> **Exercise description**
Please find every line in the entries below that contains the string "panel", and copy it.

#####

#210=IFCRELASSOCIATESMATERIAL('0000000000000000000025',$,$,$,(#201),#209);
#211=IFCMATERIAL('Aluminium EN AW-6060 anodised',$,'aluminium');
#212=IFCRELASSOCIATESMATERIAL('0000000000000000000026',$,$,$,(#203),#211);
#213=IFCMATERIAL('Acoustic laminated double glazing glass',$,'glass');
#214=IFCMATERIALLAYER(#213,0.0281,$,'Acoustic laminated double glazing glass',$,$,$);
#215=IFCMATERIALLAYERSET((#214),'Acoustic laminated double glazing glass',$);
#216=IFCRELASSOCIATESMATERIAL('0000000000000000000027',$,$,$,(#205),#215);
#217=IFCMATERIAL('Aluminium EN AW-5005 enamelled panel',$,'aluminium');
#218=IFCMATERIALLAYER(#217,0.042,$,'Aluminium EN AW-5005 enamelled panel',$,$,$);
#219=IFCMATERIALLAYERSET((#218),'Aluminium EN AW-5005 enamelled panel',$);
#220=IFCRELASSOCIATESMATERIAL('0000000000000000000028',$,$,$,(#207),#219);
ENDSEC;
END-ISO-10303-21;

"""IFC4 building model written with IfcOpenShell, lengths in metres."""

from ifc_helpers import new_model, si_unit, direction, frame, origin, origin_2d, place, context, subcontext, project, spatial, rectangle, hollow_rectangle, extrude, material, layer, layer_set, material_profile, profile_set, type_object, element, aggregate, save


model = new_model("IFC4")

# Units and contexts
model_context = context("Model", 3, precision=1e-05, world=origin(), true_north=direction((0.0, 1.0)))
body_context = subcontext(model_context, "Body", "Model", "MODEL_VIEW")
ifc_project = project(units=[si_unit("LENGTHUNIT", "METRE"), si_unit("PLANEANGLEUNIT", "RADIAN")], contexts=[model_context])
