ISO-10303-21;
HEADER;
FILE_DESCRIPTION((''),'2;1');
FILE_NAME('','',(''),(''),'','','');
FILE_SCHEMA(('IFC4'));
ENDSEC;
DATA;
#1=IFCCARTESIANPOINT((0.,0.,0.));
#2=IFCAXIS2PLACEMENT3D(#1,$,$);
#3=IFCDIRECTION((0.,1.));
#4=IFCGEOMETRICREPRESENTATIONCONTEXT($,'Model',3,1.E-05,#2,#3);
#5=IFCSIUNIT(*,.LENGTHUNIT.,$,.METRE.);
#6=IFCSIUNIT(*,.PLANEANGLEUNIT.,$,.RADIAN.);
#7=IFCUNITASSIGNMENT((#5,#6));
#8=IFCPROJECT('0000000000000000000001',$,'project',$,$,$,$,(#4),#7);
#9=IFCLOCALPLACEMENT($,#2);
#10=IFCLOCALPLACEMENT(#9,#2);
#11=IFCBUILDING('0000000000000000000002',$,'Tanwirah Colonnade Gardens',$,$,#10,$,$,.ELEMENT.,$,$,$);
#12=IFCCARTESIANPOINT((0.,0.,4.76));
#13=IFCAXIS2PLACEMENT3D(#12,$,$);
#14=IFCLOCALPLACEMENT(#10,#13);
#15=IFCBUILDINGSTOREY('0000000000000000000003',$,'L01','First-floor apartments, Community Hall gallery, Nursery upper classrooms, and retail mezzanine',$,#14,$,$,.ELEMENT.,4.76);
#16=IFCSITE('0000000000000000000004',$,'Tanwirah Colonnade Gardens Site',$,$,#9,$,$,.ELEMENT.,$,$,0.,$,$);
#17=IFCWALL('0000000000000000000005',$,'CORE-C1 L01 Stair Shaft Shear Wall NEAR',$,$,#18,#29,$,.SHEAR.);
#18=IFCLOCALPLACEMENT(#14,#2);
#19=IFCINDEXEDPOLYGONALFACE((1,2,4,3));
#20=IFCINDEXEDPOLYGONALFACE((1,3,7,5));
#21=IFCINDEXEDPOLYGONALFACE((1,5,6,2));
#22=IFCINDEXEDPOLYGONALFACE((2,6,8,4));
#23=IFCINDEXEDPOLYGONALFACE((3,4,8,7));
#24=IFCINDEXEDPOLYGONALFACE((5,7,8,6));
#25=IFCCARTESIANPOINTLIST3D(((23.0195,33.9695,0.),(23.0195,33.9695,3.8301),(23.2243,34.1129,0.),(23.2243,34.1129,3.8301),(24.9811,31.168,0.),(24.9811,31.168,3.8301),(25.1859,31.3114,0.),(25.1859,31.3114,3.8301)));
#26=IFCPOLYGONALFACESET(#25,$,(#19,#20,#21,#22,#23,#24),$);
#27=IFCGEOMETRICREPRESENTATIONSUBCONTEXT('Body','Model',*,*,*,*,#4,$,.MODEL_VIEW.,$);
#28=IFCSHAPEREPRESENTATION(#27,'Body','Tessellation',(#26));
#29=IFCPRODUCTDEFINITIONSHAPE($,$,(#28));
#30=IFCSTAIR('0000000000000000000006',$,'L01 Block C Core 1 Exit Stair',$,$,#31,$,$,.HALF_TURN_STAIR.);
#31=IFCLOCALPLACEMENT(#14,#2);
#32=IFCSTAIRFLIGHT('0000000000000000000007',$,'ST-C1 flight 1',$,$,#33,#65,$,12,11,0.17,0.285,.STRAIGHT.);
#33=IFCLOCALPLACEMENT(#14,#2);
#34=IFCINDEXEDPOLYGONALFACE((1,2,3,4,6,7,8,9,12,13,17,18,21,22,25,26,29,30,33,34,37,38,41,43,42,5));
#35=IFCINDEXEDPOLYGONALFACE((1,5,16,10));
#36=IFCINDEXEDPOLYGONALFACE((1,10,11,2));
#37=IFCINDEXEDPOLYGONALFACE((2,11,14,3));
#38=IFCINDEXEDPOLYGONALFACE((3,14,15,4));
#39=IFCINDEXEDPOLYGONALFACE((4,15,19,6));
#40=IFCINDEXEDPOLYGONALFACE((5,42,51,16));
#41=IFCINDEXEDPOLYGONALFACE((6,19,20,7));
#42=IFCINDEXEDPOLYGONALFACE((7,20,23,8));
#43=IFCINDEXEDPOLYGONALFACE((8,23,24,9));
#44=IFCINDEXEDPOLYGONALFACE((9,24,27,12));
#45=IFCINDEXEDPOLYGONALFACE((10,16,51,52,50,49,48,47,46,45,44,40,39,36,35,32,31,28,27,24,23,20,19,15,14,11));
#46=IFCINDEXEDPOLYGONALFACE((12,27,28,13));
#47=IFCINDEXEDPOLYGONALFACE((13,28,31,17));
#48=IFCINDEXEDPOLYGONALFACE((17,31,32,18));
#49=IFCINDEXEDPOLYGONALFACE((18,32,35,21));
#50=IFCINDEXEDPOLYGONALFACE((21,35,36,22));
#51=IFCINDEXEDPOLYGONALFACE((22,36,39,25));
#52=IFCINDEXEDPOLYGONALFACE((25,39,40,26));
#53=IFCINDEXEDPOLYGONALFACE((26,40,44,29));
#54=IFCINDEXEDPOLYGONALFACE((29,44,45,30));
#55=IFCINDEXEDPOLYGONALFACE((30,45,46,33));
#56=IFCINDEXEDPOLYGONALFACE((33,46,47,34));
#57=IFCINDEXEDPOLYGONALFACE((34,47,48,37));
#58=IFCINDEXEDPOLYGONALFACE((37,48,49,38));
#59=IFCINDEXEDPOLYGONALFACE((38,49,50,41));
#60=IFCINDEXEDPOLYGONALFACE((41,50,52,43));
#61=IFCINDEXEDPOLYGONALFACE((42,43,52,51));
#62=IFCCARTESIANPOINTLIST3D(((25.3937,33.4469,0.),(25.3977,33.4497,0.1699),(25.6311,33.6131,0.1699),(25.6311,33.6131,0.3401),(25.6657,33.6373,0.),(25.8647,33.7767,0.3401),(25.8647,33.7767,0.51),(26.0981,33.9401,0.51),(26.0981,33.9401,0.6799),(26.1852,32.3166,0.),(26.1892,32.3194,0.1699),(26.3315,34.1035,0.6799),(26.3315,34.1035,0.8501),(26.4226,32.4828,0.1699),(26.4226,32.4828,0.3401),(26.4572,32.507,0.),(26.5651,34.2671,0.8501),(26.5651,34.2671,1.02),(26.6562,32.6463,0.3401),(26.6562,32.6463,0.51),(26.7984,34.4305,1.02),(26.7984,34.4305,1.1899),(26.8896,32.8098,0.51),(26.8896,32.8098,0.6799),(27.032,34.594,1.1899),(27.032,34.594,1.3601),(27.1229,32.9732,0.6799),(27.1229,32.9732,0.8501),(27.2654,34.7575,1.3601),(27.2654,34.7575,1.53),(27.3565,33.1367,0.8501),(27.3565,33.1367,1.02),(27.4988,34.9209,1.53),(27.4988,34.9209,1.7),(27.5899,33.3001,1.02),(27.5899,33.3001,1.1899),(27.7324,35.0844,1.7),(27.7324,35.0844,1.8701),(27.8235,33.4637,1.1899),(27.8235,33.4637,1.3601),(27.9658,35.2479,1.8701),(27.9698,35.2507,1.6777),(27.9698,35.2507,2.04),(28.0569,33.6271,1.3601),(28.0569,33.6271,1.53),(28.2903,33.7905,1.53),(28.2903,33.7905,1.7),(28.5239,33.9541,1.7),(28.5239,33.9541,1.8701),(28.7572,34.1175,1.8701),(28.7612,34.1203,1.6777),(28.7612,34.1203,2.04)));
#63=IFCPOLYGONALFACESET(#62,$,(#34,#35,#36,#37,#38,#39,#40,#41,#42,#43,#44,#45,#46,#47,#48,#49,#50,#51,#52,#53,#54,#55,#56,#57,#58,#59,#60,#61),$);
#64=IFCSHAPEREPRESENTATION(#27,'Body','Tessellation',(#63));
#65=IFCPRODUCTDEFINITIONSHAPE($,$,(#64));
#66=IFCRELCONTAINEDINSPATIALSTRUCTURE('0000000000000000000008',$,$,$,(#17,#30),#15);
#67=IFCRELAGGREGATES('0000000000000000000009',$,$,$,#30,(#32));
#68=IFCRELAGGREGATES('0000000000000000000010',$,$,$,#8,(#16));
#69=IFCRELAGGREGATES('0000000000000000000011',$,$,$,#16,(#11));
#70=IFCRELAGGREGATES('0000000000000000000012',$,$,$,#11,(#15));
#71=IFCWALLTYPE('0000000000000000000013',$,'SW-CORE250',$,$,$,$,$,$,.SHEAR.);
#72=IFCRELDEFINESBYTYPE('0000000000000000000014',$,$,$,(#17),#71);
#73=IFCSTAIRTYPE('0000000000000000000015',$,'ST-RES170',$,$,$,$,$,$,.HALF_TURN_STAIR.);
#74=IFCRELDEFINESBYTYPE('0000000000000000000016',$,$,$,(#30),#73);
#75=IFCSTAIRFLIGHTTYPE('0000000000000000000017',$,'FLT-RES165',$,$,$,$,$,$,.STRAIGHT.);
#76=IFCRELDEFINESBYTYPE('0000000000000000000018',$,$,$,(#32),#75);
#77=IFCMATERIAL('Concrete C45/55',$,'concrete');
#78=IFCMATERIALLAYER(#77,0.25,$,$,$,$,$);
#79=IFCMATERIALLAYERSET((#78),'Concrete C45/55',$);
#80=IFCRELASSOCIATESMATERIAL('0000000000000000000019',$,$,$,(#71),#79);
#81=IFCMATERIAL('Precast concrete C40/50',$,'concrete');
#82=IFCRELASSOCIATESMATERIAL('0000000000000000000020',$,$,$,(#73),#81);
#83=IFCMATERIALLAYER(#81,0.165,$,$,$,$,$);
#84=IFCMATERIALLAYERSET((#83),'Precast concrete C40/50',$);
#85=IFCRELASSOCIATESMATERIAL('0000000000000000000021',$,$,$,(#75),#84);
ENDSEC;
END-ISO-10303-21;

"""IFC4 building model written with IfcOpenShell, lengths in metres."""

from ifc_helpers import new_model, si_unit, direction, frame, frame_2d, origin, place, context, subcontext, project, spatial, polyline, rectangle, outline, extrude, material, layer, layer_set, type_object, element, aggregate, save


model = new_model("IFC4")

# Units and contexts
model_context = context("Model", 3, precision=1e-05, world=origin(), true_north=direction((0.0, 1.0)))
body_context = subcontext(model_context, "Body", "Model", "MODEL_VIEW")
ifc_project = project(units=[si_unit("LENGTHUNIT", "METRE"), si_unit("PLANEANGLEUNIT", "RADIAN")], contexts=[model_context])

# Site, building, storey
site_placement = place(None, origin())
site = spatial("IfcSite", under=ifc_project, at=site_placement, Name="Tanwirah Colonnade Gardens Site", CompositionType="ELEMENT", RefElevation=0.0)
building_placement = place(site_placement, origin())
building = spatial("IfcBuilding", under=site, at=building_placement, Name="Tanwirah Colonnade Gardens", CompositionType="ELEMENT")
storey_placement = place(building_placement, frame((0.0, 0.0, 4.76)))
storey = spatial("IfcBuildingStorey", under=building, at=storey_placement, Name="L01", Description="First-floor apartments, Community Hall gallery, Nursery upper classrooms, and retail mezzanine", CompositionType="ELEMENT", Elevation=4.76)

# Shared definitions
ifc_material_1 = material(Name="Precast concrete C40/50", Category="concrete")

# Wall
ifc_material_2 = material(Name="Concrete C45/55", Category="concrete")
ifc_layer_1 = layer(ifc_material_2, 0.25)
ifc_layer_set_1 = layer_set([ifc_layer_1], Name="Concrete C45/55")
wall_type_1 = type_object("IfcWallType", Name="SW-CORE250", PredefinedType="SHEAR", material=ifc_layer_set_1)
wall_1_placement = place(storey_placement, frame((25.0835, 31.2397, 0.0), z_axis=(0.0, 0.0, 1.0), x_axis=(-0.573582, 0.819148, 0.0)))
element("IfcWall", 1, at=wall_1_placement, inside=storey, type_object=wall_type_1, Name="CORE-C1 L01 Stair Shaft Shear Wall NEAR", PredefinedType="SHEAR", context=body_context, shape_type="SweptSolid", body=[
    extrude(rectangle(XDim=3.4199, YDim=0.25, at=frame_2d((1.71, 0.0))), origin(), (0.0, 0.0, 1.0), 3.8301),
])

# Stair, stair flight
stair_type = type_object("IfcStairType", Name="ST-RES170", PredefinedType="HALF_TURN_STAIR", material=ifc_material_1)
stair_placement = place(storey_placement, origin())
stair = element("IfcStair", 2, at=stair_placement, inside=storey, type_object=stair_type, Name="L01 Block C Core 1 Exit Stair", PredefinedType="HALF_TURN_STAIR")
ifc_layer_2 = layer(ifc_material_1, 0.165)
ifc_layer_set_2 = layer_set([ifc_layer_2], Name="Precast concrete C40/50")
stair_flight_type = type_object("IfcStairFlightType", Name="FLT-RES165", PredefinedType="STRAIGHT", material=ifc_layer_set_2)
stair_flight_placement = place(storey_placement, frame((25.7935, 32.8845, 0.0), z_axis=(0.0, 0.0, 1.0), x_axis=(0.819152, 0.573576, 0.0)))
stair_flight = element("IfcStairFlight", 3, at=stair_flight_placement, type_object=stair_flight_type, Name="ST-C1 flight 1", NumberOfRisers=12, NumberOfTreads=11, PredefinedType="STRAIGHT", RiserHeight=0.17, TreadLength=0.285, context=body_context, shape_type="SweptSolid", body=[
    extrude(outline(polyline([(-0.0049, 0.0), (0.0, 0.1699), (0.2849, 0.1699), (0.2849, 0.3401), (0.5701, 0.3401), (0.5701, 0.51), (0.855, 0.51), (0.855, 0.6799), (1.1399, 0.6799), (1.1399, 0.8501), (1.425, 0.8501), (1.425, 1.02), (1.71, 1.02), (1.71, 1.1899), (1.9951, 1.1899), (1.9951, 1.3601), (2.28, 1.3601), (2.28, 1.53), (2.5649, 1.53), (2.5649, 1.7), (2.8501, 1.7), (2.8501, 1.8701), (3.135, 1.8701), (3.1399, 2.04), (3.1399, 1.6777), (0.3271, 0.0), (-0.0049, 0.0)])), frame((0.0, 0.6899, 0.0), z_axis=(0.0, -1.0, 0.0), x_axis=(1.0, 0.0, 0.0)), (0.0, 0.0, 1.0), 1.3799),
])
aggregate(stair, [stair_flight])

save(model, "model.ifc")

#####

> **Written answer**
#217=IFCMATERIAL('Aluminium EN AW-5005 enamelled panel',$,'aluminium');
#218=IFCMATERIALLAYER(#217,0.042,$,'Aluminium EN AW-5005 enamelled panel',$,$,$);
#219=IFCMATERIALLAYERSET((#218),'Aluminium EN AW-5005 enamelled panel',$);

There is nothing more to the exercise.